- Raw data:
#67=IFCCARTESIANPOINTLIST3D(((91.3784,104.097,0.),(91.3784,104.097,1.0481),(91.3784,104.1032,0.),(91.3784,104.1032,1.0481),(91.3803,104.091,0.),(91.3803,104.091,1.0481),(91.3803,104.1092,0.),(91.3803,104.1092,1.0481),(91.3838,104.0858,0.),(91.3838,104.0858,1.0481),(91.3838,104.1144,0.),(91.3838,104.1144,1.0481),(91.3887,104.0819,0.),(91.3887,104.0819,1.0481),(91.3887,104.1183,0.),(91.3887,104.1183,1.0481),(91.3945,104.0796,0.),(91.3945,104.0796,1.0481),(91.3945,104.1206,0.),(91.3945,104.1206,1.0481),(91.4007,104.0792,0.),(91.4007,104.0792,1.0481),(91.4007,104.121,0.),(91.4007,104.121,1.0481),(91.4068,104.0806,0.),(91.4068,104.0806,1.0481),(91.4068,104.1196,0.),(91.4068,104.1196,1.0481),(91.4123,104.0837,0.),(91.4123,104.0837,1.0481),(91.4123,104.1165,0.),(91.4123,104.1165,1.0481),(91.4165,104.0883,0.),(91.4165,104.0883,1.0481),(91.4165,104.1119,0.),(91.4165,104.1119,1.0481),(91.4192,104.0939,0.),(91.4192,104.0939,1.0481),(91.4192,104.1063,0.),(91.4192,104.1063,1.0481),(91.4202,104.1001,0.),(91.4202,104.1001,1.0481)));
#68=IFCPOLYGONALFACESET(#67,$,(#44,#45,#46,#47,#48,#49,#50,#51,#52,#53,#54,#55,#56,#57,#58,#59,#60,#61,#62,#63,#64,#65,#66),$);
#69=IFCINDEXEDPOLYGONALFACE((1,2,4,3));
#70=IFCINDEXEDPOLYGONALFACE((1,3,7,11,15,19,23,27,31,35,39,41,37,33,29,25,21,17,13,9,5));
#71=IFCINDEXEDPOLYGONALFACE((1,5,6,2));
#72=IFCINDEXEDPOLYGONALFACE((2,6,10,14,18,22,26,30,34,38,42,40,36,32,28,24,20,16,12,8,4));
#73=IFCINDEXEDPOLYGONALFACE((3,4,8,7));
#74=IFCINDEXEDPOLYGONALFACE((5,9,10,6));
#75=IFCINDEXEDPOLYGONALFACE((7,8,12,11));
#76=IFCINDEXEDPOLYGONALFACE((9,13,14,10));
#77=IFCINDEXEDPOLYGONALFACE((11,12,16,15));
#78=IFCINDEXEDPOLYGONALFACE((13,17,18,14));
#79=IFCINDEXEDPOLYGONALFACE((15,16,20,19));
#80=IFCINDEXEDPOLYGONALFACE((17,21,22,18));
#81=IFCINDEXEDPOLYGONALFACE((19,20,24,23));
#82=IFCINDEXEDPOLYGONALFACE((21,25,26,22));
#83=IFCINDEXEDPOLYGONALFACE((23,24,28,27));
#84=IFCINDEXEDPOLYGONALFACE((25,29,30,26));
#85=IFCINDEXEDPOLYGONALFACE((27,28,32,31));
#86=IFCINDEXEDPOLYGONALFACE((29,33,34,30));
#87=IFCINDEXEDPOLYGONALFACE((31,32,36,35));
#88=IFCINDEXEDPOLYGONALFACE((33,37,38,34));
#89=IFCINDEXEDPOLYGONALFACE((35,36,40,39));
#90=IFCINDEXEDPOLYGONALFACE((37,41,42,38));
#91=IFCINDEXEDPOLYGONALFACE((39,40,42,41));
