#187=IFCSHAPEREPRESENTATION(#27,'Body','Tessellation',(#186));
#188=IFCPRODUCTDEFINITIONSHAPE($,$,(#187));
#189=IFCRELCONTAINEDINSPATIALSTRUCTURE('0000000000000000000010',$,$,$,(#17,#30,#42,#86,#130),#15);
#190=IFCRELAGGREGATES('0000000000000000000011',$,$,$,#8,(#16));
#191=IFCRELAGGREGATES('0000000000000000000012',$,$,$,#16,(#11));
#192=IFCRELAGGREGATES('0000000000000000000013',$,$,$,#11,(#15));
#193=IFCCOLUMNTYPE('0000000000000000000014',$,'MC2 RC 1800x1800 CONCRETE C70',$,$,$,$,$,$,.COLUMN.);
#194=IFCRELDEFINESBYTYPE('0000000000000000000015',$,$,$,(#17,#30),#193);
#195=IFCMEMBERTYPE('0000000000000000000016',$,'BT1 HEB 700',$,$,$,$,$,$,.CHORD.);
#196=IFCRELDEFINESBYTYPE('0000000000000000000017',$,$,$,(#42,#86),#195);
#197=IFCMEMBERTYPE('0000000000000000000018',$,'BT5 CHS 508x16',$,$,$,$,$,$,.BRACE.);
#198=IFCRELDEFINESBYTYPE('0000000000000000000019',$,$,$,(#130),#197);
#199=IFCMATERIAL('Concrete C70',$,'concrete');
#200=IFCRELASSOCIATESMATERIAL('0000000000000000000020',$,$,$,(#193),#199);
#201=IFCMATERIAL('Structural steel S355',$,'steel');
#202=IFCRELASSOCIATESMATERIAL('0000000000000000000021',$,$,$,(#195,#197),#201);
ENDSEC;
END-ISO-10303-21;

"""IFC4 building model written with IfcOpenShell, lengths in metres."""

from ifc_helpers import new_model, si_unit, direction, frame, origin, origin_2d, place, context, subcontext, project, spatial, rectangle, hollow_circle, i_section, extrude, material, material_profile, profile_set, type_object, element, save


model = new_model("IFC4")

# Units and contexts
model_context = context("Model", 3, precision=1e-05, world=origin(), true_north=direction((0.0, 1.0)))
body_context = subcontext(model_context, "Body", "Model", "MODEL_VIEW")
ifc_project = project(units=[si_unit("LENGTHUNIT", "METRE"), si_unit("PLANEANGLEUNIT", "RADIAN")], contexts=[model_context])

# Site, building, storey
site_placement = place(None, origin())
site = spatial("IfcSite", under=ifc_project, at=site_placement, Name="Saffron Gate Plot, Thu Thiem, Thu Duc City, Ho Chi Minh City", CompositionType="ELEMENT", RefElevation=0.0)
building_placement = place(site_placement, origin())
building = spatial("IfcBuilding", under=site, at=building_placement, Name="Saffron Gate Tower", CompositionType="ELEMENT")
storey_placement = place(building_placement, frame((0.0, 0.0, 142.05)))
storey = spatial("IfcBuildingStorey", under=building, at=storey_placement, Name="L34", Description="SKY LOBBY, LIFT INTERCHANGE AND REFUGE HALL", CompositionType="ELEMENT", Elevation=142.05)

---

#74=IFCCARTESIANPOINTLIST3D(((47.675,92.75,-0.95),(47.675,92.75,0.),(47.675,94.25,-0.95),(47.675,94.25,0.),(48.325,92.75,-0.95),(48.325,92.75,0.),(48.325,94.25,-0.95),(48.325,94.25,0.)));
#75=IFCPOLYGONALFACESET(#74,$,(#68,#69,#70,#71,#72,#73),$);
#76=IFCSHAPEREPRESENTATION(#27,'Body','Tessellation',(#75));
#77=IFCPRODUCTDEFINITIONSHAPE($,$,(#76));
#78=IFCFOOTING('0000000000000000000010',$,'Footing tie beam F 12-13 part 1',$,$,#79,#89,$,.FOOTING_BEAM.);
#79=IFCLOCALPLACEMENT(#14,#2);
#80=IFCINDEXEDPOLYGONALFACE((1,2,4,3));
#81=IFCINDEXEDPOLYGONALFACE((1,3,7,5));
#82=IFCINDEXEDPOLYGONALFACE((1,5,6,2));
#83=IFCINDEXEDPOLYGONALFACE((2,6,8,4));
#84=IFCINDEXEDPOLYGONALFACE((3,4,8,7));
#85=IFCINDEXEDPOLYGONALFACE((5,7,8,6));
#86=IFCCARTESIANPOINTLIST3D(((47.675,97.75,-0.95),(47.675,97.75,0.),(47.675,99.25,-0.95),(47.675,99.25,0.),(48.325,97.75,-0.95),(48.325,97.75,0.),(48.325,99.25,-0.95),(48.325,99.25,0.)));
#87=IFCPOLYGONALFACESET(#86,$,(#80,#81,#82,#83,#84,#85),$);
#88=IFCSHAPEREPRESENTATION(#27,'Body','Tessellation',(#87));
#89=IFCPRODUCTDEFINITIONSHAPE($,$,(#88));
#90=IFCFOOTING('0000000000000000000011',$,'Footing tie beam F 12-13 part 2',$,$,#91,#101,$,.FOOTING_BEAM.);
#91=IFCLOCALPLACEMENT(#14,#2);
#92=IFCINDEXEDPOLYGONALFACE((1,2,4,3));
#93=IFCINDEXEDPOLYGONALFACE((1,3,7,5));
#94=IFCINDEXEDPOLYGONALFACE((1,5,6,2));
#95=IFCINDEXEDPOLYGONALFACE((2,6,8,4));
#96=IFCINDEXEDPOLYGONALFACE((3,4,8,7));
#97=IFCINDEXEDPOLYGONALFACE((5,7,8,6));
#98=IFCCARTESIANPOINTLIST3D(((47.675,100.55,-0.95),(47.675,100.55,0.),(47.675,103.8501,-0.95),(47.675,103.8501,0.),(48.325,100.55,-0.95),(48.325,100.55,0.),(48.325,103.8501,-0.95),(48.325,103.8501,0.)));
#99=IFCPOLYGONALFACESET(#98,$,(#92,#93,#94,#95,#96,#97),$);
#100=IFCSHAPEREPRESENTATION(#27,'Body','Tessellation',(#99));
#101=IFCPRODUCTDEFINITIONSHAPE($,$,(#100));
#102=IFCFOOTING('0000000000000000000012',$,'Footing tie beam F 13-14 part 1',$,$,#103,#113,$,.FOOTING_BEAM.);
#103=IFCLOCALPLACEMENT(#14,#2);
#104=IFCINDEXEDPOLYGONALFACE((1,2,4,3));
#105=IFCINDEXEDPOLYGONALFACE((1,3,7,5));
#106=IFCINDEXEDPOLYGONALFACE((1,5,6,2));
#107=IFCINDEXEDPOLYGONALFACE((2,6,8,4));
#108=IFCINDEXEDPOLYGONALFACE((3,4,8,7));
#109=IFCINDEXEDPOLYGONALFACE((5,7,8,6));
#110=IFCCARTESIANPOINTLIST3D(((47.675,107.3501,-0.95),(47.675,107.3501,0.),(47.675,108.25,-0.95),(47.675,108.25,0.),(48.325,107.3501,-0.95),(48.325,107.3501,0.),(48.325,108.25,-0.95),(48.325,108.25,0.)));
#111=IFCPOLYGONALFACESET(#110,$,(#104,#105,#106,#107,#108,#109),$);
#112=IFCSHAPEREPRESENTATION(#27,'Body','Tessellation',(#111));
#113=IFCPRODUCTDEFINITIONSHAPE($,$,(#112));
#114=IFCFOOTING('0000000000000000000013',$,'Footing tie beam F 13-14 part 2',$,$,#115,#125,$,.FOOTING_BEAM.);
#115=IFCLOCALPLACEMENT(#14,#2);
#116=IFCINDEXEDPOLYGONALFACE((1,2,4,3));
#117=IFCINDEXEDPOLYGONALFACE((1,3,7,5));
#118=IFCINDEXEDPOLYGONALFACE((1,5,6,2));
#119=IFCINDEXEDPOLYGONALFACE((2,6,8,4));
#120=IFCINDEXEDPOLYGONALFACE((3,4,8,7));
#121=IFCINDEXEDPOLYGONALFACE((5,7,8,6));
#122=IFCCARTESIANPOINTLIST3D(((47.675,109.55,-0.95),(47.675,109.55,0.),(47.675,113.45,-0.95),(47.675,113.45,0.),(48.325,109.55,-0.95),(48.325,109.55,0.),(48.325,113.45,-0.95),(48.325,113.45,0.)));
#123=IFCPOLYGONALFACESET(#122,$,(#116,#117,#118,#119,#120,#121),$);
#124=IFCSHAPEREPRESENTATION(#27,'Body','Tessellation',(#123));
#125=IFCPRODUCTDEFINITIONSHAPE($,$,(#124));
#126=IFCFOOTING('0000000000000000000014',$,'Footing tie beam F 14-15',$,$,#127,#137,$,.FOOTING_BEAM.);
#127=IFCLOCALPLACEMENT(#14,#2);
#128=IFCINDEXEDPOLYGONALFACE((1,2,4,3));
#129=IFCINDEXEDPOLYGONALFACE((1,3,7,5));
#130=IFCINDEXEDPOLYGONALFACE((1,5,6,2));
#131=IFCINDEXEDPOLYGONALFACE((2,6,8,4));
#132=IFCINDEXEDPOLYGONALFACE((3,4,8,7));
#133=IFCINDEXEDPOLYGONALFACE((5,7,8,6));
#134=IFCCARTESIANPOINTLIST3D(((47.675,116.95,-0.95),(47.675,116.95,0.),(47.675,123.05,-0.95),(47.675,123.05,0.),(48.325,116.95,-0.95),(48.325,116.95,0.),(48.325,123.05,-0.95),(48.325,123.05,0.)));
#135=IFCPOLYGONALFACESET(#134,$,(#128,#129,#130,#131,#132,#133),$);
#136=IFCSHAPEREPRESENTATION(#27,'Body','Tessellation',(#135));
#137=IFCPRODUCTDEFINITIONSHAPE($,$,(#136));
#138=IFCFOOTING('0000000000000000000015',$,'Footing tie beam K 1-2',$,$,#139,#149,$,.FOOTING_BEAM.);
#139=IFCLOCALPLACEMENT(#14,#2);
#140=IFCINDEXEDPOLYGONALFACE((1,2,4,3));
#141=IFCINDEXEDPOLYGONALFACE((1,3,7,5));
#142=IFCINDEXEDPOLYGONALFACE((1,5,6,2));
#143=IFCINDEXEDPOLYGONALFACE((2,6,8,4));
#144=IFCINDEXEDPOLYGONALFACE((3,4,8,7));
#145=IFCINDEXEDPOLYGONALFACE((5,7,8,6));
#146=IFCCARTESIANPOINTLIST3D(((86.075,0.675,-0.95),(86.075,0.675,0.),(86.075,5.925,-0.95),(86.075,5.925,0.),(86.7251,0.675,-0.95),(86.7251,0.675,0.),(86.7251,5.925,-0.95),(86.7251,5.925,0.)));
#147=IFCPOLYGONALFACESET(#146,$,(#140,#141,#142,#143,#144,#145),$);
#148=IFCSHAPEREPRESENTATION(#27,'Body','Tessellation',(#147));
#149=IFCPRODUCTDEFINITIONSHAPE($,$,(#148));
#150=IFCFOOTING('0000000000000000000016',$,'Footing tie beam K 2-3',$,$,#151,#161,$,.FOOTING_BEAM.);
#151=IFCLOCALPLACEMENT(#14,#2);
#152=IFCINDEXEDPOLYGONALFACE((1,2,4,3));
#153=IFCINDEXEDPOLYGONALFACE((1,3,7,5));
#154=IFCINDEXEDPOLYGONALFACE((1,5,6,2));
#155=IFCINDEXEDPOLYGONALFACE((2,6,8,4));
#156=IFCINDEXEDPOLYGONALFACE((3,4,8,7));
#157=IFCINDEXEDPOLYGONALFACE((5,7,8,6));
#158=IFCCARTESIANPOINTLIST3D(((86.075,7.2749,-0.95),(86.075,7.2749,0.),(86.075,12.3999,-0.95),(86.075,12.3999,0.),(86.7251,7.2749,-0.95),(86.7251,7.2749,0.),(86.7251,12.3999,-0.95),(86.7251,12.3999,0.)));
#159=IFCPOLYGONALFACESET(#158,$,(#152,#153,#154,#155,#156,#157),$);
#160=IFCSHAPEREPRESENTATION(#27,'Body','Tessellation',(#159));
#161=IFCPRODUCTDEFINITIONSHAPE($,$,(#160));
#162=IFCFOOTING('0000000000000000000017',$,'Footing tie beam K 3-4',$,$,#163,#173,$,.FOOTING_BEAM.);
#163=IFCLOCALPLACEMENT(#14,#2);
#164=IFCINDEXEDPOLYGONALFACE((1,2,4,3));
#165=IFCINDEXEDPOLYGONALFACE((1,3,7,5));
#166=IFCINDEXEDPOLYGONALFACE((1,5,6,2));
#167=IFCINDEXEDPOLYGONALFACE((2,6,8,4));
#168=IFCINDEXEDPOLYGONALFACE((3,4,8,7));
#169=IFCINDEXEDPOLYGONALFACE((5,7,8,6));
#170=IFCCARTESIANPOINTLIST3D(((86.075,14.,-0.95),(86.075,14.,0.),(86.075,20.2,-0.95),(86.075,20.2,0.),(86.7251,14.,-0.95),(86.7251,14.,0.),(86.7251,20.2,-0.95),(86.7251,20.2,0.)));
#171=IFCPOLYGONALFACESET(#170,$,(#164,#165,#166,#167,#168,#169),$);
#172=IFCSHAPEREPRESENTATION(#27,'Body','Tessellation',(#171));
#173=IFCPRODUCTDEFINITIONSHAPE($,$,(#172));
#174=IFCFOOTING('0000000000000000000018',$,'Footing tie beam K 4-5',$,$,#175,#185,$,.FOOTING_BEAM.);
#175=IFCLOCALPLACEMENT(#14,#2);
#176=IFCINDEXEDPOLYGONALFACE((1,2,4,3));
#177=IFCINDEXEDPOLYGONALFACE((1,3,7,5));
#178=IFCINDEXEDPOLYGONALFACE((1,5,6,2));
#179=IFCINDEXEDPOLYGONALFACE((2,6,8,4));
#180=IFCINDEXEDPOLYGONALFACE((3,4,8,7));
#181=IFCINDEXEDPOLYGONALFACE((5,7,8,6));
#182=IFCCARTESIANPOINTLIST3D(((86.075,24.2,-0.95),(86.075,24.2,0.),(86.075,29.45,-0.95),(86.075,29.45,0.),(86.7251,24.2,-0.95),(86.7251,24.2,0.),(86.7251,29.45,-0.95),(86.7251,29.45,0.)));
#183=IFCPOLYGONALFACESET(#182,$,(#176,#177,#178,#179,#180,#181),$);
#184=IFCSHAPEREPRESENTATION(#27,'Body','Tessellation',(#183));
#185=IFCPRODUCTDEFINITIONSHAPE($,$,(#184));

- Exercise:
Retype only this portion of the data above: the line containing "#91=IFCINDEXEDPOLYGONALFACE((39,40,42,41));", the line containing "#192=IFCRELAGGREGATES('0000000000000000000013',$,$,$,#11,(#15));", and all lines between them, exactly.

- Written solution:
#91=IFCINDEXEDPOLYGONALFACE((39,40,42,41));
#187=IFCSHAPEREPRESENTATION(#27,'Body','Tessellation',(#186));
#188=IFCPRODUCTDEFINITIONSHAPE($,$,(#187));
#189=IFCRELCONTAINEDINSPATIALSTRUCTURE('0000000000000000000010',$,$,$,(#17,#30,#42,#86,#130),#15);
#190=IFCRELAGGREGATES('0000000000000000000011',$,$,$,#8,(#16));
#191=IFCRELAGGREGATES('0000000000000000000012',$,$,$,#16,(#11));
#192=IFCRELAGGREGATES('0000000000000000000013',$,$,$,#11,(#15));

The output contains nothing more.